**Exercise brief**: After locating the line that contains "#93=IFCINDEXEDPOLYGONALFACE((6,62,64,8));" in the data below, set down exactly that line and each one after it through the line that contains "#109=IFCINDEXEDPOLYGONALFACE((21,77,79,23));", and nothing more.

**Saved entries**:
○ ○ ○ ○ ○

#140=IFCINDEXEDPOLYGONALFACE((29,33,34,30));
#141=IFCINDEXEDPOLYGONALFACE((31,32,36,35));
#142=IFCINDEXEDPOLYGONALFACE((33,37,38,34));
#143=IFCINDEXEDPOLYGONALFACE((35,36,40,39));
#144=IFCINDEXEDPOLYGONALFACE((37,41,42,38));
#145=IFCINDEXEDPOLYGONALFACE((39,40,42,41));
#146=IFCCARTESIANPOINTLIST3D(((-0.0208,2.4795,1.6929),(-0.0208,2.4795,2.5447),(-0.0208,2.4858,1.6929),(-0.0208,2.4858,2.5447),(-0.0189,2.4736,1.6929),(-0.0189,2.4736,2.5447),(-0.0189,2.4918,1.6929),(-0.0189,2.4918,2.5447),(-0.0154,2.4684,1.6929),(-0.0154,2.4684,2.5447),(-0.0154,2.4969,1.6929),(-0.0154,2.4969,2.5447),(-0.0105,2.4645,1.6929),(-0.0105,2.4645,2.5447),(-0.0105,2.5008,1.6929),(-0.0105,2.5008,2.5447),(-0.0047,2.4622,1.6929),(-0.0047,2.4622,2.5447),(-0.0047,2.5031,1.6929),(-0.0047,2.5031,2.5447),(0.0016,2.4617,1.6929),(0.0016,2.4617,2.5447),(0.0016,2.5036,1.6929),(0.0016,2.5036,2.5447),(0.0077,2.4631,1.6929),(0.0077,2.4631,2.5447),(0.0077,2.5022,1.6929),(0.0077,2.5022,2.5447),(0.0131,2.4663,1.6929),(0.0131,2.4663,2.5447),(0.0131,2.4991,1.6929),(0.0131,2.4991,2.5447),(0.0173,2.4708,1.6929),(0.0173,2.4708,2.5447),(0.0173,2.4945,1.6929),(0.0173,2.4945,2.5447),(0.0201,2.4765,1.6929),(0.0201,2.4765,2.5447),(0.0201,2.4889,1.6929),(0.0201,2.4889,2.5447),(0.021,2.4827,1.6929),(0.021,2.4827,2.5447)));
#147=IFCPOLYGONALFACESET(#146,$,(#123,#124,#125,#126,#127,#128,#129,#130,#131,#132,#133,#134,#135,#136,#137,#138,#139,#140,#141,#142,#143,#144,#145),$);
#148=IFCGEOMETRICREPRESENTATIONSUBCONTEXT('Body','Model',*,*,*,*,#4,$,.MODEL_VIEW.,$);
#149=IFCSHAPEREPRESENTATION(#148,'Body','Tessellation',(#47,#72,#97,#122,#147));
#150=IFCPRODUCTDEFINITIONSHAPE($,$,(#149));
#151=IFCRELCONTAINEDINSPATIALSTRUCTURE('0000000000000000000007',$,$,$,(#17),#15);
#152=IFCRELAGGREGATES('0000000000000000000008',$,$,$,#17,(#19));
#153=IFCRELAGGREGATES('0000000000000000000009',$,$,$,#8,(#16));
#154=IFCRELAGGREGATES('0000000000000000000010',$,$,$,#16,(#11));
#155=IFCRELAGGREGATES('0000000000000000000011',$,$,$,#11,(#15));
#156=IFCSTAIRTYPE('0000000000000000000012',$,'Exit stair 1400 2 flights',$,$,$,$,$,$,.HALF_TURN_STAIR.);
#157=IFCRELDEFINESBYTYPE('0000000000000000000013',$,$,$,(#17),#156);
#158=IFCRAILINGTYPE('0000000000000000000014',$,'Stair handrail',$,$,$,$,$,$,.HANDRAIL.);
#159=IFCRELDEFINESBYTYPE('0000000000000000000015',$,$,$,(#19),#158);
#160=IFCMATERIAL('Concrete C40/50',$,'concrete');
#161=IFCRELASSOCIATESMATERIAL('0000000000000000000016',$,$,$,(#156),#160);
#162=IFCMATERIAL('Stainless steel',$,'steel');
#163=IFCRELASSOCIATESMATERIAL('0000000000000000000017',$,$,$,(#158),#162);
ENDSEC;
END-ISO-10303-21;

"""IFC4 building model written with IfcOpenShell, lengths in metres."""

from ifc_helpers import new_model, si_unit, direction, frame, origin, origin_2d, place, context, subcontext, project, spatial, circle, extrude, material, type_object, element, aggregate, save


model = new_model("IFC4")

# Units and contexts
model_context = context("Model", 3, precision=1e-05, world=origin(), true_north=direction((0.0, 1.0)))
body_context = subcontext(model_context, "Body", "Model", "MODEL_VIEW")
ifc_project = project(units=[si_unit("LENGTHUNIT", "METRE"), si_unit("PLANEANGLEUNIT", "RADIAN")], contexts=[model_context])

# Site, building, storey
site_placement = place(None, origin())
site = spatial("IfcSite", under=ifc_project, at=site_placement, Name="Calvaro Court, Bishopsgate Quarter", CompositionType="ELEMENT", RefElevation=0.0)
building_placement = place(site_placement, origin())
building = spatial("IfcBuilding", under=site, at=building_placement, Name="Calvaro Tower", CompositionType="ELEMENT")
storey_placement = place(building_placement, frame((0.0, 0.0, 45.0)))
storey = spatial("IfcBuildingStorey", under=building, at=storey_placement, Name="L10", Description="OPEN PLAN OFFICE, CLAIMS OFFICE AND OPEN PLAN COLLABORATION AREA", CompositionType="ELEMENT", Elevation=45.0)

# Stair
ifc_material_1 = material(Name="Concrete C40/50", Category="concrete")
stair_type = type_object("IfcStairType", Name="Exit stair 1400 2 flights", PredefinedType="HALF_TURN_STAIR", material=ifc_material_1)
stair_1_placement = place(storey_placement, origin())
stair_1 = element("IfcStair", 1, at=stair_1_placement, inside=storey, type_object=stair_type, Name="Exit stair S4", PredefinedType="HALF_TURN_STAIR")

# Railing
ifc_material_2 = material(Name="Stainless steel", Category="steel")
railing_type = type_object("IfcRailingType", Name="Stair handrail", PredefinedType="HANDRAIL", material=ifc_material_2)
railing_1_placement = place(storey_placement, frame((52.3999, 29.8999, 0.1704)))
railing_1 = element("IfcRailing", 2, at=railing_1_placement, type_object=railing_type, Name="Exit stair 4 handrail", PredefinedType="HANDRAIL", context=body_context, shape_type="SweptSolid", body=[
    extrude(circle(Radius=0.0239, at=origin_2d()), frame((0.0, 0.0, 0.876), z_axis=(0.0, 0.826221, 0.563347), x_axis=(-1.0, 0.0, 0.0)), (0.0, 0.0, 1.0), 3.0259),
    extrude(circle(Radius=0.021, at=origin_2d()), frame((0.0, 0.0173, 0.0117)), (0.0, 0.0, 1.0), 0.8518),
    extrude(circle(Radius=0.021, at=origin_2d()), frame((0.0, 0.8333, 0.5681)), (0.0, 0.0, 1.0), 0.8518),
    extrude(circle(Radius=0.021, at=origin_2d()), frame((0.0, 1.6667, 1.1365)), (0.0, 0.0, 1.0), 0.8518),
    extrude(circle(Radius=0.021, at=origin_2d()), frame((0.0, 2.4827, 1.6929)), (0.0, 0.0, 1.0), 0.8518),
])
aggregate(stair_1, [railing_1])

○ ○ ○ ○ ○

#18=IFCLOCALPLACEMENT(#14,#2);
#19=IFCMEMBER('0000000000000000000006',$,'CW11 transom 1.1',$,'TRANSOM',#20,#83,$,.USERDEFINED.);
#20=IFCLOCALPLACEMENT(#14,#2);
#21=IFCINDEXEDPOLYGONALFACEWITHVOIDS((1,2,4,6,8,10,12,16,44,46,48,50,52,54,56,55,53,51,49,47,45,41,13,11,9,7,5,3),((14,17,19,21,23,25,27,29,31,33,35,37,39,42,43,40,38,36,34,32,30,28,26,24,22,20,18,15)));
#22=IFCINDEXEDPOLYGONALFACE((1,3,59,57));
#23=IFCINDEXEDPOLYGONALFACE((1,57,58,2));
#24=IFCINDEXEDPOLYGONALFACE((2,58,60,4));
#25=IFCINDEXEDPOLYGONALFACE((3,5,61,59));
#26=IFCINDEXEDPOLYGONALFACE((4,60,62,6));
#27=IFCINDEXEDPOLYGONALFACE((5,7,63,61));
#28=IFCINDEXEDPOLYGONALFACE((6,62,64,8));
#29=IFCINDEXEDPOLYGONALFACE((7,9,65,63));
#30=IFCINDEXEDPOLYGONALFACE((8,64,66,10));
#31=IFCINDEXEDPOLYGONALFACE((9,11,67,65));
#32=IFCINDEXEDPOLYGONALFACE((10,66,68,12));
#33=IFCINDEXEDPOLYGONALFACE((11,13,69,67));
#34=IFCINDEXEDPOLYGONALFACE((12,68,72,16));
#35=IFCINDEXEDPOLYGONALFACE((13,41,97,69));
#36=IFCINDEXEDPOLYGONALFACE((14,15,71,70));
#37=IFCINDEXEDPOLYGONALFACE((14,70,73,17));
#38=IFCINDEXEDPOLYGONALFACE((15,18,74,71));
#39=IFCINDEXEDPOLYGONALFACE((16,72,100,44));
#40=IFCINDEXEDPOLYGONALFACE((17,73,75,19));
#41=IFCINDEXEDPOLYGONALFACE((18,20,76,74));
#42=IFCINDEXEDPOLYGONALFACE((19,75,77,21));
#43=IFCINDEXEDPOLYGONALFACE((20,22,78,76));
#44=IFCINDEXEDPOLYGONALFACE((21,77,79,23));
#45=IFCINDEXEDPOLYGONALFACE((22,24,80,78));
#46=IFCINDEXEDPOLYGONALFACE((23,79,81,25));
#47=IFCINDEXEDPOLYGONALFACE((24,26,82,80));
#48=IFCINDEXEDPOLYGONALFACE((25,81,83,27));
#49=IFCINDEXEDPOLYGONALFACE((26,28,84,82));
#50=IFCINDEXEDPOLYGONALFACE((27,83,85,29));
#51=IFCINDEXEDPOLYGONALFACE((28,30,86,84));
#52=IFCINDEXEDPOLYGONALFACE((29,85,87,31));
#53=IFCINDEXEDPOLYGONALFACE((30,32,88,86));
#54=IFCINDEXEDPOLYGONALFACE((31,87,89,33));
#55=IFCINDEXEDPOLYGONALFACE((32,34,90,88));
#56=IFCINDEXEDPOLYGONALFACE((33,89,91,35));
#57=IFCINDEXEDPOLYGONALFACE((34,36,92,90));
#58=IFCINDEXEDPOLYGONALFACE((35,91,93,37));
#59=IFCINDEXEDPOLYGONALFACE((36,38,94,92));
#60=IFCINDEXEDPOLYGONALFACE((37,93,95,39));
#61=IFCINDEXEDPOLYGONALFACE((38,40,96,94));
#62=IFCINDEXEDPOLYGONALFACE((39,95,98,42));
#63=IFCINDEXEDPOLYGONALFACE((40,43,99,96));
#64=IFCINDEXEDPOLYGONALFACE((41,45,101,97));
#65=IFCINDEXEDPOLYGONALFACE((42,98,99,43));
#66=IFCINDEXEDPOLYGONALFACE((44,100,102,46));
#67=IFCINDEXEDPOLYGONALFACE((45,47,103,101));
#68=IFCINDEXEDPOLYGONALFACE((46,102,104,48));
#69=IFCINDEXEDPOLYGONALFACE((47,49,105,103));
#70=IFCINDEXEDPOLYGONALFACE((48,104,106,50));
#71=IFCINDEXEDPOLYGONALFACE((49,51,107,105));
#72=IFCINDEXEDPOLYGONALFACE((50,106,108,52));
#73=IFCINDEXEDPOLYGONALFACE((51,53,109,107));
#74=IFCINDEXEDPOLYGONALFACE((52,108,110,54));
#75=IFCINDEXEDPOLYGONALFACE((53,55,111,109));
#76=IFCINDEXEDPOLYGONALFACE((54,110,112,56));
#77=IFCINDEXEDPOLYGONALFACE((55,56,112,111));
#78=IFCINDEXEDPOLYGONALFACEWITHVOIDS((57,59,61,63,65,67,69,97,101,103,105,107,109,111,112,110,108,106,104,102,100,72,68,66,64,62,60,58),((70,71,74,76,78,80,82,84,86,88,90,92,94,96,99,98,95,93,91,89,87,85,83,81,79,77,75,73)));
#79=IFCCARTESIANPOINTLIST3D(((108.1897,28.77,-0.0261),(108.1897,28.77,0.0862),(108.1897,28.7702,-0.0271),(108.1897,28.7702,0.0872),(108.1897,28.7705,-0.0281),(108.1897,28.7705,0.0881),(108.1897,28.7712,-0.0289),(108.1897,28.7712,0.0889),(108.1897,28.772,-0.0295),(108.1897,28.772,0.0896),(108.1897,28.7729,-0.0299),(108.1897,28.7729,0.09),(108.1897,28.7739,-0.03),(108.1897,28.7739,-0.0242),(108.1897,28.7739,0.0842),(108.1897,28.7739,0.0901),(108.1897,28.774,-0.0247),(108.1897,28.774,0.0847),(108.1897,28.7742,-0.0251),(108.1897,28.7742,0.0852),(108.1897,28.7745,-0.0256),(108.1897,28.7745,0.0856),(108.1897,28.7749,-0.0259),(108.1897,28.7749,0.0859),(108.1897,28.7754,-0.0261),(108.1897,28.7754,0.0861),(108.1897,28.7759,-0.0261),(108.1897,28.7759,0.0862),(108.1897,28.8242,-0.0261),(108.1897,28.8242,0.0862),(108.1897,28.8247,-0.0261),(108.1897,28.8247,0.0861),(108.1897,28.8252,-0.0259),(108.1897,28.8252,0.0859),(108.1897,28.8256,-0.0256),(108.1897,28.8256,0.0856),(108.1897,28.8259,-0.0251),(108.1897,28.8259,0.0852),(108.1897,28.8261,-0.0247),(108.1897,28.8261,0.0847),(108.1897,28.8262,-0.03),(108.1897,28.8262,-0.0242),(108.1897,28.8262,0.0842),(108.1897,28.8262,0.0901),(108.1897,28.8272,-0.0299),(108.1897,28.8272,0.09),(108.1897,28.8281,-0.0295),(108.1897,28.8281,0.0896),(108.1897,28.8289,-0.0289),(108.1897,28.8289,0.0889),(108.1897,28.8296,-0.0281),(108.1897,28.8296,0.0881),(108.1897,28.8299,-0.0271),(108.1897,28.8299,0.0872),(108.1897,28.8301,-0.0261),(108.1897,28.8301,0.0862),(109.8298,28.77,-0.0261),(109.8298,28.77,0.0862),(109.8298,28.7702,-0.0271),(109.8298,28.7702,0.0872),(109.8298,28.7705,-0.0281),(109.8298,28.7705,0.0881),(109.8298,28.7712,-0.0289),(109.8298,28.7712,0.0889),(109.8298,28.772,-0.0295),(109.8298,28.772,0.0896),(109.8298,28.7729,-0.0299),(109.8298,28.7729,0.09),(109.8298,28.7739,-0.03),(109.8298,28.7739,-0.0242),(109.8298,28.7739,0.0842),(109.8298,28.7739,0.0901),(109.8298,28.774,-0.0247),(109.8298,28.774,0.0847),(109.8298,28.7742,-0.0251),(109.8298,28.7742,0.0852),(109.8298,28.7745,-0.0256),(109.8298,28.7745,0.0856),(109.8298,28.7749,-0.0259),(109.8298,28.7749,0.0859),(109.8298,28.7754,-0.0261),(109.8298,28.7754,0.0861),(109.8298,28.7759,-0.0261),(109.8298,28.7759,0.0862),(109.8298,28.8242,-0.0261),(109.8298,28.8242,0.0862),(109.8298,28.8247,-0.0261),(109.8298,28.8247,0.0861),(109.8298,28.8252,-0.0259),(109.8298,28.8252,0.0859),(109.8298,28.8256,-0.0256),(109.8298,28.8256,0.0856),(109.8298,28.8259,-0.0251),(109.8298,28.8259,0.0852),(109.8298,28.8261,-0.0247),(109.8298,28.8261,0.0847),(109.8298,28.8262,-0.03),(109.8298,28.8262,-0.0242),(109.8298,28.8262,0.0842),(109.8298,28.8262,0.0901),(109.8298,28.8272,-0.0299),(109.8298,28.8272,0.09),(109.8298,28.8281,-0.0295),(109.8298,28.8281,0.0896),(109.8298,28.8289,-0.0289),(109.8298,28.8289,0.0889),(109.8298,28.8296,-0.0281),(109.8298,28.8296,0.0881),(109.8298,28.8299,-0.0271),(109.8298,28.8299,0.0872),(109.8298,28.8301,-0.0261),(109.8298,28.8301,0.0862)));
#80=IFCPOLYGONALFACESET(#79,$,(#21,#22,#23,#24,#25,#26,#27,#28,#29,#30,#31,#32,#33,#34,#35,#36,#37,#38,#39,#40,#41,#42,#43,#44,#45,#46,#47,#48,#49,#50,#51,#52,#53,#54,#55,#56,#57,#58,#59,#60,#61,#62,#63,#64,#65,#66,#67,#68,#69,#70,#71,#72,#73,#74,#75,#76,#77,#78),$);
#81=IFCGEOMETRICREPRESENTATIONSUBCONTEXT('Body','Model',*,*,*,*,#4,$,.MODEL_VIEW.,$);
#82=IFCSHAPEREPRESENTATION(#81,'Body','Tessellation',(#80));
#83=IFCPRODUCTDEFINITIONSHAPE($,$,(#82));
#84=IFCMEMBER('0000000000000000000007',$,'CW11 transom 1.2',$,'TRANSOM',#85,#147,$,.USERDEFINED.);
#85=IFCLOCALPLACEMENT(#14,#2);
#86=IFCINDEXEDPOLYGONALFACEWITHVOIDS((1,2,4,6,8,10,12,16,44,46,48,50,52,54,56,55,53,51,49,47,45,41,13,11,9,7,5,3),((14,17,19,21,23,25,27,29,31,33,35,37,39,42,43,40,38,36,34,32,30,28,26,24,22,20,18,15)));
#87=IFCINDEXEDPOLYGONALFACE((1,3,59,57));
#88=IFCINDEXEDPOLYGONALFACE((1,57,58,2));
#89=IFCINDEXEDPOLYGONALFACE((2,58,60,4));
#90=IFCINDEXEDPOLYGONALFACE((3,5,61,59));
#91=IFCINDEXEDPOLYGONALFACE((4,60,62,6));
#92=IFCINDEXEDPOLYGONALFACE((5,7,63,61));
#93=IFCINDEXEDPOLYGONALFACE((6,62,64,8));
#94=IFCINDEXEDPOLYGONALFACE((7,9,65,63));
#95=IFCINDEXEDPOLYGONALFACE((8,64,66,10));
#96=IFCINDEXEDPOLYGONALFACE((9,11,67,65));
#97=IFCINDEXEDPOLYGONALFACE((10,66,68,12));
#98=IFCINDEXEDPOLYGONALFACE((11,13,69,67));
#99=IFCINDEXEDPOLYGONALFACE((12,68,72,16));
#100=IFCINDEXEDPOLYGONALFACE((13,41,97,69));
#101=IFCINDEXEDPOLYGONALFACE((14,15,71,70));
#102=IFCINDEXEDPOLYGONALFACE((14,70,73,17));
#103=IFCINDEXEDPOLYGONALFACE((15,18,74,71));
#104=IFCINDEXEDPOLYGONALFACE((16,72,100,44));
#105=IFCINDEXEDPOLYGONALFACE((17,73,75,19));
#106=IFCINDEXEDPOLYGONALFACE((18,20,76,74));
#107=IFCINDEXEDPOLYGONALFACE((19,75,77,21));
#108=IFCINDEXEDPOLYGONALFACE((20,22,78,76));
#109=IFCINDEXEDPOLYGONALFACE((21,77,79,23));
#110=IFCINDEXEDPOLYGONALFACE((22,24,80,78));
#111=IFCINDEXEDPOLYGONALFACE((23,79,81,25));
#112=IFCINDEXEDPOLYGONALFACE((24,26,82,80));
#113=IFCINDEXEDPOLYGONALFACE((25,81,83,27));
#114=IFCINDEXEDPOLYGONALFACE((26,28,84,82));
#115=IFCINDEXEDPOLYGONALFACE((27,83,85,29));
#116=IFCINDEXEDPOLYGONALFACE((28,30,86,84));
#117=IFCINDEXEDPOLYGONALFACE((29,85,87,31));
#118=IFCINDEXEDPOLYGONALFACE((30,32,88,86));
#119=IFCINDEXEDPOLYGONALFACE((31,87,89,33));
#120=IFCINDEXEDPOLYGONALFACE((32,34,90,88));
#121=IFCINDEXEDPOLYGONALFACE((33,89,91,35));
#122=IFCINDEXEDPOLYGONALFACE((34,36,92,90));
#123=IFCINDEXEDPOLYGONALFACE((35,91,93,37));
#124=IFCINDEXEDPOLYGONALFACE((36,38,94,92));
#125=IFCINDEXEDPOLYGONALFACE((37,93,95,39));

○ ○ ○ ○ ○

**Answer**:
#93=IFCINDEXEDPOLYGONALFACE((6,62,64,8));
#94=IFCINDEXEDPOLYGONALFACE((7,9,65,63));
#95=IFCINDEXEDPOLYGONALFACE((8,64,66,10));
#96=IFCINDEXEDPOLYGONALFACE((9,11,67,65));
#97=IFCINDEXEDPOLYGONALFACE((10,66,68,12));
#98=IFCINDEXEDPOLYGONALFACE((11,13,69,67));
#99=IFCINDEXEDPOLYGONALFACE((12,68,72,16));
#100=IFCINDEXEDPOLYGONALFACE((13,41,97,69));
#101=IFCINDEXEDPOLYGONALFACE((14,15,71,70));
#102=IFCINDEXEDPOLYGONALFACE((14,70,73,17));
#103=IFCINDEXEDPOLYGONALFACE((15,18,74,71));
#104=IFCINDEXEDPOLYGONALFACE((16,72,100,44));
#105=IFCINDEXEDPOLYGONALFACE((17,73,75,19));
#106=IFCINDEXEDPOLYGONALFACE((18,20,76,74));
#107=IFCINDEXEDPOLYGONALFACE((19,75,77,21));
#108=IFCINDEXEDPOLYGONALFACE((20,22,78,76));
#109=IFCINDEXEDPOLYGONALFACE((21,77,79,23));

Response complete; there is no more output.